From the listing below, reproduce word for word the part that opens with the line containing "#56=IFCINDEXEDPOLYGONALFACE((1,2,4,3));" and closes with the line containing "#61=IFCINDEXEDPOLYGONALFACE((5,7,8,6));"; reproduce nothing else.
───── Extracted entries ─────
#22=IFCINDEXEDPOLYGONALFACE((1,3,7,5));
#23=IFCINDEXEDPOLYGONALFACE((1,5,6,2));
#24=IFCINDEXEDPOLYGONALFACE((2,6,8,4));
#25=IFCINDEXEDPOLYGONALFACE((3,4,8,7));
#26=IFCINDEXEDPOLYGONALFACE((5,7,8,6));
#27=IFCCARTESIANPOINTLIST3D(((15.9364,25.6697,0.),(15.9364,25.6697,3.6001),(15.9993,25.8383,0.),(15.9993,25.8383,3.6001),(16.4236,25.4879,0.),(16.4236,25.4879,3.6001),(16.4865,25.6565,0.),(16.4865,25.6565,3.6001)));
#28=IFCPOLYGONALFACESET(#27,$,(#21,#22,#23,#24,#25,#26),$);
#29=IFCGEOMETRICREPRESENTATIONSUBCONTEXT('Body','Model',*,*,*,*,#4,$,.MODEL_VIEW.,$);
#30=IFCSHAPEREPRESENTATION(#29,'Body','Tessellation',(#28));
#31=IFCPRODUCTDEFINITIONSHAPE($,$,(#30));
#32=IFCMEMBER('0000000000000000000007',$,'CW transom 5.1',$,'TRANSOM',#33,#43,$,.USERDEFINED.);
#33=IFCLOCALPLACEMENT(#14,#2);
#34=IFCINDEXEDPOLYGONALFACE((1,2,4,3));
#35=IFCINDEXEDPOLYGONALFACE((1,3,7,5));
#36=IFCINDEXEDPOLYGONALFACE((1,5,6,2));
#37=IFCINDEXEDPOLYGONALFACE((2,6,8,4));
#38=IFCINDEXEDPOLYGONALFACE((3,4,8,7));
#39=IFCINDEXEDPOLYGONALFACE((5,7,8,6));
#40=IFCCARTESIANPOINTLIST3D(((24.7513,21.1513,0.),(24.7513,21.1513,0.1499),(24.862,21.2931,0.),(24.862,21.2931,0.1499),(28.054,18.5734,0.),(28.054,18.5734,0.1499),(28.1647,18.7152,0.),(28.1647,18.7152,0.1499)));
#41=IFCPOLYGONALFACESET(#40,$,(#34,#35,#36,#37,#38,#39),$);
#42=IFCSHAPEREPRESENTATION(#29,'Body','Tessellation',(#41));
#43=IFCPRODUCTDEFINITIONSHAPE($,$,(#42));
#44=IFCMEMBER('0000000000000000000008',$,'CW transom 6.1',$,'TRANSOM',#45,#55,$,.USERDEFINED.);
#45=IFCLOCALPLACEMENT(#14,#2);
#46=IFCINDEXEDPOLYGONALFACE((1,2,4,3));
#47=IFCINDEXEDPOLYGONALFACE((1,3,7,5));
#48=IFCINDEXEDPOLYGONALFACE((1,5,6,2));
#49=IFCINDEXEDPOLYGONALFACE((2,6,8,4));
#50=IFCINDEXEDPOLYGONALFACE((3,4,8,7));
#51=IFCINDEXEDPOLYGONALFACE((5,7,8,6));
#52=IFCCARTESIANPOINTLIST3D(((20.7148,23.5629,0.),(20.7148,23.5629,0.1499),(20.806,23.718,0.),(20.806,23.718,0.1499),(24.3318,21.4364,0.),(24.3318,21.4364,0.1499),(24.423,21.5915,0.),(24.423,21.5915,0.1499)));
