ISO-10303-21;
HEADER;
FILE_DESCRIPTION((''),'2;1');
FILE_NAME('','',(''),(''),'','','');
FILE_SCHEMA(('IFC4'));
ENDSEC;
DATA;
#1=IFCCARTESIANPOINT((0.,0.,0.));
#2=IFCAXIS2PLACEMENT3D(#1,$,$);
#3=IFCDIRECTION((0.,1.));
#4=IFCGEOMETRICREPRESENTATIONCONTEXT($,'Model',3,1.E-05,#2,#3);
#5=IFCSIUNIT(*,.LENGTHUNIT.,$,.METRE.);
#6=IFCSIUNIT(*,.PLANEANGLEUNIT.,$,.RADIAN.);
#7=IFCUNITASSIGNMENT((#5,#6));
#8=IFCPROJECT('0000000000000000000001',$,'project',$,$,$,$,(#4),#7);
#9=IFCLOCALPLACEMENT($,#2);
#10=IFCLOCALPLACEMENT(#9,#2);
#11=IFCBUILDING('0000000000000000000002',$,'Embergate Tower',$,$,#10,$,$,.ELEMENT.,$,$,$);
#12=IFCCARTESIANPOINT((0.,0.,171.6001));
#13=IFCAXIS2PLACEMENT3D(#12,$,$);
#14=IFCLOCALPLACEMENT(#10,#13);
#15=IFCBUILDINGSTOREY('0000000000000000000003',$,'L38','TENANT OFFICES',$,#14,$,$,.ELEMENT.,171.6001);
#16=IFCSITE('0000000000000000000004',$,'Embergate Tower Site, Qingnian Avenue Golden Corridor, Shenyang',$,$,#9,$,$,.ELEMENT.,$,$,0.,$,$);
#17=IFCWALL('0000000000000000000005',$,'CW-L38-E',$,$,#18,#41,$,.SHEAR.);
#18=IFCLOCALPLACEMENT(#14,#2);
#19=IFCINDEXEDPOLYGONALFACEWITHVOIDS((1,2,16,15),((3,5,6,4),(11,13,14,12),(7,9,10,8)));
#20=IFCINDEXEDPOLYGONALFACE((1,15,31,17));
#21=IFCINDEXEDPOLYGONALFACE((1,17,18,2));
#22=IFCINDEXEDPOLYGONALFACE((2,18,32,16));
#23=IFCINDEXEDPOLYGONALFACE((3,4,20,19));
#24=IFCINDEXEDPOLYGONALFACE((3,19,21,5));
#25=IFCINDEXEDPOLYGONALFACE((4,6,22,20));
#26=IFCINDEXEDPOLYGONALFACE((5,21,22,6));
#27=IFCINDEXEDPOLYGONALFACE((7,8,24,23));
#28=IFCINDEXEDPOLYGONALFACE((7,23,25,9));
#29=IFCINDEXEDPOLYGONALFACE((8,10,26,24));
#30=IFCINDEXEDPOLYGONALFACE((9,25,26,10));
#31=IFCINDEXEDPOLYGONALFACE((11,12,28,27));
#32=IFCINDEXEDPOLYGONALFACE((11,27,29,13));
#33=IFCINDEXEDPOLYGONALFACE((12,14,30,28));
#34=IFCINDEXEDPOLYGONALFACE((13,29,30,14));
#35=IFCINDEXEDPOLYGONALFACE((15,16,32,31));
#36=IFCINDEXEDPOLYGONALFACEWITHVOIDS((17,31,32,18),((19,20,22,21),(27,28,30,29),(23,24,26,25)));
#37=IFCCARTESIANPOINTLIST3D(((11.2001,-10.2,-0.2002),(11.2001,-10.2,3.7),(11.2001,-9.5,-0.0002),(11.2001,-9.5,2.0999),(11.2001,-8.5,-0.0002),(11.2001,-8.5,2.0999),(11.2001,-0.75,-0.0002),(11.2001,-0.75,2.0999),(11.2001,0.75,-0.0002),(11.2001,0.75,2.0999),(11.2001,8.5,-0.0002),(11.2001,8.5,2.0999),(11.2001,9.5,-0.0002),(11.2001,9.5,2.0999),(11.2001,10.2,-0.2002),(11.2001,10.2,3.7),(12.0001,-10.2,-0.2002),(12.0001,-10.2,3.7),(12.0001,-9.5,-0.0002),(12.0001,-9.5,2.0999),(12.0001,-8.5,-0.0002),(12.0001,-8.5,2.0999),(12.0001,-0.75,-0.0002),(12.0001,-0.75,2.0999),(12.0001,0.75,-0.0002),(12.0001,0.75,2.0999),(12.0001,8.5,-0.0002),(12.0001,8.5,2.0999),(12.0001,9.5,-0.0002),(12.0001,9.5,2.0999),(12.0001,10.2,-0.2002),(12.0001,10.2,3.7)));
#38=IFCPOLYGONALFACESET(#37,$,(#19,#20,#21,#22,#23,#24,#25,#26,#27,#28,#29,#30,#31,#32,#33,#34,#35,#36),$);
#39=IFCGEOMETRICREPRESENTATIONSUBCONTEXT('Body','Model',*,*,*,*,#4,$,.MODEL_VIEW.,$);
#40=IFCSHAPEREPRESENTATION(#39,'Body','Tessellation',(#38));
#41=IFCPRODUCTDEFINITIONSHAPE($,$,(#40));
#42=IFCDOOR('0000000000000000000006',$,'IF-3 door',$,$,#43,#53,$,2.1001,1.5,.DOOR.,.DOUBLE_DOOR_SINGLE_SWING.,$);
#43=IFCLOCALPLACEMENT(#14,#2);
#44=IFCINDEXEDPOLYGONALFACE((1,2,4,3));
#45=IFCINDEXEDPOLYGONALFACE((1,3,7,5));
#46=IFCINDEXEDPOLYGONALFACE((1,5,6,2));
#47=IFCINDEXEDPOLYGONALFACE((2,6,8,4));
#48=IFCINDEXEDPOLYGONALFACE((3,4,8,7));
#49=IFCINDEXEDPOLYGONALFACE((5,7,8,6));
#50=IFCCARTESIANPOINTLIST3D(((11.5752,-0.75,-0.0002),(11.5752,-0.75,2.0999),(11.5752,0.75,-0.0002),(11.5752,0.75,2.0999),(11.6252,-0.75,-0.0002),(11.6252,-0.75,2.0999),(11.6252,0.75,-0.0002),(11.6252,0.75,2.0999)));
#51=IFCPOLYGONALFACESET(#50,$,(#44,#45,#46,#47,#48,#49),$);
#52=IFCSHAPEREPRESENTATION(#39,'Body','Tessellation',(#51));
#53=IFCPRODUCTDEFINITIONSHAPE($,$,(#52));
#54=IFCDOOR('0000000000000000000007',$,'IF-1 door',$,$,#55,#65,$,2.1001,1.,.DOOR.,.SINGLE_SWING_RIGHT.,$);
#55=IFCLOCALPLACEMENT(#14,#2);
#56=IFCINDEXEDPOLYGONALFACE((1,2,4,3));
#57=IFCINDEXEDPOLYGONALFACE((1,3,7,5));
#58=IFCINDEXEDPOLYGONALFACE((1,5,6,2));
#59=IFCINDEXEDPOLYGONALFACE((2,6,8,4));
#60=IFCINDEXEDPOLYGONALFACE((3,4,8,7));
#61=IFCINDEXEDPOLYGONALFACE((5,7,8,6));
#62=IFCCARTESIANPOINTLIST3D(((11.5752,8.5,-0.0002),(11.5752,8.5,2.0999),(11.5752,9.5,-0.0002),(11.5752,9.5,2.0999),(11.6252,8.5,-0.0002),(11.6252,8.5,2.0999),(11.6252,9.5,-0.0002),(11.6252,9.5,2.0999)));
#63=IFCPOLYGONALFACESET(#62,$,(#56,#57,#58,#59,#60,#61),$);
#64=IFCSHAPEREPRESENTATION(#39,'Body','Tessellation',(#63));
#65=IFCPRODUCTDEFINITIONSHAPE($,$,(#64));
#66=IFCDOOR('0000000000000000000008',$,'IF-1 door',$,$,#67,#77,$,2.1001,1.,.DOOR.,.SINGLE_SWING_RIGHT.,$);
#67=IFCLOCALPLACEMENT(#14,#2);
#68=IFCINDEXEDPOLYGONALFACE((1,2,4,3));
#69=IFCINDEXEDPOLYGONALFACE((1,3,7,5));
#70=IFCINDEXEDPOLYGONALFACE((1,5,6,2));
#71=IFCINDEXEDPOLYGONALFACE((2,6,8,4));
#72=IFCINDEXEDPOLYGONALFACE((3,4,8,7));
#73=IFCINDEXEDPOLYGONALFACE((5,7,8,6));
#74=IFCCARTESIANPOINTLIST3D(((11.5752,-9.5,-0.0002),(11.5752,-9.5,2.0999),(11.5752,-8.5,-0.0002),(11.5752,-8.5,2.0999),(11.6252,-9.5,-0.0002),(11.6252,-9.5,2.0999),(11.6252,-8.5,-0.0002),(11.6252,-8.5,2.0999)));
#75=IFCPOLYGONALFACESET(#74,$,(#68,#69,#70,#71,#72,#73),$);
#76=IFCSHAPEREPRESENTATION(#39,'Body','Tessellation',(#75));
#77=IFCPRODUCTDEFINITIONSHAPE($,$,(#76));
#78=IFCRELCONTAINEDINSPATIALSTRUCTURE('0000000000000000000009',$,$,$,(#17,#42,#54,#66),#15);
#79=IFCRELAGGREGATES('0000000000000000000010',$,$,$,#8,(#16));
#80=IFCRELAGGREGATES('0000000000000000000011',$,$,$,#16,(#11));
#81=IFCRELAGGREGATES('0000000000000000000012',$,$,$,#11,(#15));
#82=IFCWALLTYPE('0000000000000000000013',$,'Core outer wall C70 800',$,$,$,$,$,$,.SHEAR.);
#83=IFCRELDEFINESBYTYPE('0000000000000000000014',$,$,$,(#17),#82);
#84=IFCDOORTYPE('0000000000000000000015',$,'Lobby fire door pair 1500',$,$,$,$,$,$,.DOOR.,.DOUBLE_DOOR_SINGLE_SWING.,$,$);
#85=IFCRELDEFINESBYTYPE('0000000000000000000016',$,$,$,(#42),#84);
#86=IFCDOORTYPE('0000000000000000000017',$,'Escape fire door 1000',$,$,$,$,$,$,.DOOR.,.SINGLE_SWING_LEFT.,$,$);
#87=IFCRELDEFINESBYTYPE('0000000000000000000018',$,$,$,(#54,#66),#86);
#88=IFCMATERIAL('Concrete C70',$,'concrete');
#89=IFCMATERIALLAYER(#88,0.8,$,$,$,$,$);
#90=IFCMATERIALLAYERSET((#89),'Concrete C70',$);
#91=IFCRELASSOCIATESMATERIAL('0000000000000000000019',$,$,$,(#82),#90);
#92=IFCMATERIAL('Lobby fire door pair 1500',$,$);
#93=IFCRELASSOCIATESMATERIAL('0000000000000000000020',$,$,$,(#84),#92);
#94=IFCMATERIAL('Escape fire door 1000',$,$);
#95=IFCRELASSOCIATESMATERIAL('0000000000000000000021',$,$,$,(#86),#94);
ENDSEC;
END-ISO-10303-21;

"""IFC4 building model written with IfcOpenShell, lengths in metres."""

from ifc_helpers import new_model, si_unit, direction, frame, frame_2d, origin, place, context, subcontext, project, spatial, rectangle, extrude, source, transform, mapped, material, layer, layer_set, type_object, element, fill, save


model = new_model("IFC4")

# Units and contexts
model_context = context("Model", 3, precision=1e-05, world=origin(), true_north=direction((0.0, 1.0)))
body_context = subcontext(model_context, "Body", "Model", "MODEL_VIEW")
ifc_project = project(units=[si_unit("LENGTHUNIT", "METRE"), si_unit("PLANEANGLEUNIT", "RADIAN")], contexts=[model_context])

# Site, building, storey
site_placement = place(None, origin())
site = spatial("IfcSite", under=ifc_project, at=site_placement, Name="Embergate Tower Site, Qingnian Avenue Golden Corridor, Shenyang", CompositionType="ELEMENT", RefElevation=0.0)
building_placement = place(site_placement, origin())
building = spatial("IfcBuilding", under=site, at=building_placement, Name="Embergate Tower", CompositionType="ELEMENT")
storey_placement = place(building_placement, frame((0.0, 0.0, 171.6001)))
storey = spatial("IfcBuildingStorey", under=building, at=storey_placement, Name="L38", Description="TENANT OFFICES", CompositionType="ELEMENT", Elevation=171.6001)

# Shared definitions
ifc_material_1 = material(Name="Concrete C70", Category="concrete")

# Wall, openings, doors
ifc_layer_1 = layer(ifc_material_1, 0.8)
ifc_layer_set_1 = layer_set([ifc_layer_1], Name="Concrete C70")
wall_type_1 = type_object("IfcWallType", Name="Core outer wall C70 800", PredefinedType="SHEAR", material=ifc_layer_set_1)
shared_shape_1 = source(origin(), body_context, "Body", "SweptSolid", [
    extrude(rectangle(XDim=20.3999, YDim=0.8, at=frame_2d((10.2, 0.0))), origin(), (0.0, 0.0, 1.0), 3.9001),
])
wall_1_placement = place(storey_placement, frame((11.6001, -10.2, -0.2002), z_axis=(0.0, 0.0, 1.0), x_axis=(0.0, 1.0, 0.0)))
wall_1 = element("IfcWall", 1, at=wall_1_placement, inside=storey, type_object=wall_type_1, Name="CW-L38-E", PredefinedType="SHEAR", context=body_context, shape_type="MappedRepresentation", body=[
    mapped(shared_shape_1, transform((0.0, 0.0, 0.0))),
])
shared_shape_2 = source(origin(), body_context, "Body", "SweptSolid", [
    extrude(rectangle(XDim=1.0, YDim=2.1001, at=frame_2d((0.5, 1.05))), frame((0.0, 0.4099, 0.0), z_axis=(0.0, -1.0, 0.0), x_axis=(1.0, 0.0, 0.0)), (0.0, 0.0, 1.0), 0.8201),
])
opening_1_placement = place(wall_1_placement, frame((18.7, 0.0, 0.2)))
opening_1 = element("IfcOpeningElement", 2, at=opening_1_placement, cuts=wall_1, PredefinedType="OPENING", context=body_context, shape_type="MappedRepresentation", body=[
    mapped(shared_shape_2, transform((0.0, 0.0, 0.0))),
])
opening_2_placement = place(wall_1_placement, frame((0.7, 0.0, 0.2)))
opening_2 = element("IfcOpeningElement", 3, at=opening_2_placement, cuts=wall_1, PredefinedType="OPENING", context=body_context, shape_type="MappedRepresentation", body=[
    mapped(shared_shape_2, transform((0.0, 0.0, 0.0))),
])
shared_shape_3 = source(origin(), body_context, "Body", "SweptSolid", [
    extrude(rectangle(XDim=1.5, YDim=2.1001, at=frame_2d((0.75, 1.05))), frame((0.0, 0.4099, 0.0), z_axis=(0.0, -1.0, 0.0), x_axis=(1.0, 0.0, 0.0)), (0.0, 0.0, 1.0), 0.8201),
])
opening_3_placement = place(wall_1_placement, frame((9.45, 0.0, 0.2)))
opening_3 = element("IfcOpeningElement", 4, at=opening_3_placement, cuts=wall_1, PredefinedType="OPENING", context=body_context, shape_type="MappedRepresentation", body=[
    mapped(shared_shape_3, transform((0.0, 0.0, 0.0))),
])
ifc_material_2 = material(Name="Lobby fire door pair 1500")
door_type_1 = type_object("IfcDoorType", Name="Lobby fire door pair 1500", OperationType="DOUBLE_DOOR_SINGLE_SWING", PredefinedType="DOOR", material=ifc_material_2)
shared_shape_4 = source(origin(), body_context, "Body", "SweptSolid", [
    extrude(rectangle(XDim=1.5, YDim=2.1001, at=frame_2d((0.75, 1.05))), frame((0.0, 0.0249, 0.0), z_axis=(0.0, -1.0, 0.0), x_axis=(1.0, 0.0, 0.0)), (0.0, 0.0, 1.0), 0.05),
])
door_1_placement = place(opening_3_placement, origin())
door_1 = element("IfcDoor", 5, at=door_1_placement, inside=storey, type_object=door_type_1, Name="IF-3 door", OperationType="DOUBLE_DOOR_SINGLE_SWING", OverallHeight=2.1001, OverallWidth=1.5, PredefinedType="DOOR", context=body_context, shape_type="MappedRepresentation", body=[
    mapped(shared_shape_4, transform((0.0, 0.0, 0.0))),
])
fill(opening_3, door_1)
ifc_material_3 = material(Name="Escape fire door 1000")
door_type_2 = type_object("IfcDoorType", Name="Escape fire door 1000", OperationType="SINGLE_SWING_LEFT", PredefinedType="DOOR", material=ifc_material_3)
shared_shape_5 = source(origin(), body_context, "Body", "SweptSolid", [
    extrude(rectangle(XDim=1.0, YDim=2.1001, at=frame_2d((0.5, 1.05))), frame((0.0, 0.0249, 0.0), z_axis=(0.0, -1.0, 0.0), x_axis=(1.0, 0.0, 0.0)), (0.0, 0.0, 1.0), 0.05),
])
door_2_placement = place(opening_1_placement, origin())
door_2 = element("IfcDoor", 6, at=door_2_placement, inside=storey, type_object=door_type_2, Name="IF-1 door", OperationType="SINGLE_SWING_RIGHT", OverallHeight=2.1001, OverallWidth=1.0, PredefinedType="DOOR", context=body_context, shape_type="MappedRepresentation", body=[
    mapped(shared_shape_5, transform((0.0, 0.0, 0.0))),
])
fill(opening_1, door_2)
door_3_placement = place(opening_2_placement, origin())
door_3 = element("IfcDoor", 7, at=door_3_placement, inside=storey, type_object=door_type_2, Name="IF-1 door", OperationType="SINGLE_SWING_RIGHT", OverallHeight=2.1001, OverallWidth=1.0, PredefinedType="DOOR", context=body_context, shape_type="MappedRepresentation", body=[
    mapped(shared_shape_5, transform((0.0, 0.0, 0.0))),
])
fill(opening_2, door_3)

save(model, "model.ifc")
─────
**Your solution**.
#56=IFCINDEXEDPOLYGONALFACE((1,2,4,3));
#57=IFCINDEXEDPOLYGONALFACE((1,3,7,5));
#58=IFCINDEXEDPOLYGONALFACE((1,5,6,2));
#59=IFCINDEXEDPOLYGONALFACE((2,6,8,4));
#60=IFCINDEXEDPOLYGONALFACE((3,4,8,7));
#61=IFCINDEXEDPOLYGONALFACE((5,7,8,6));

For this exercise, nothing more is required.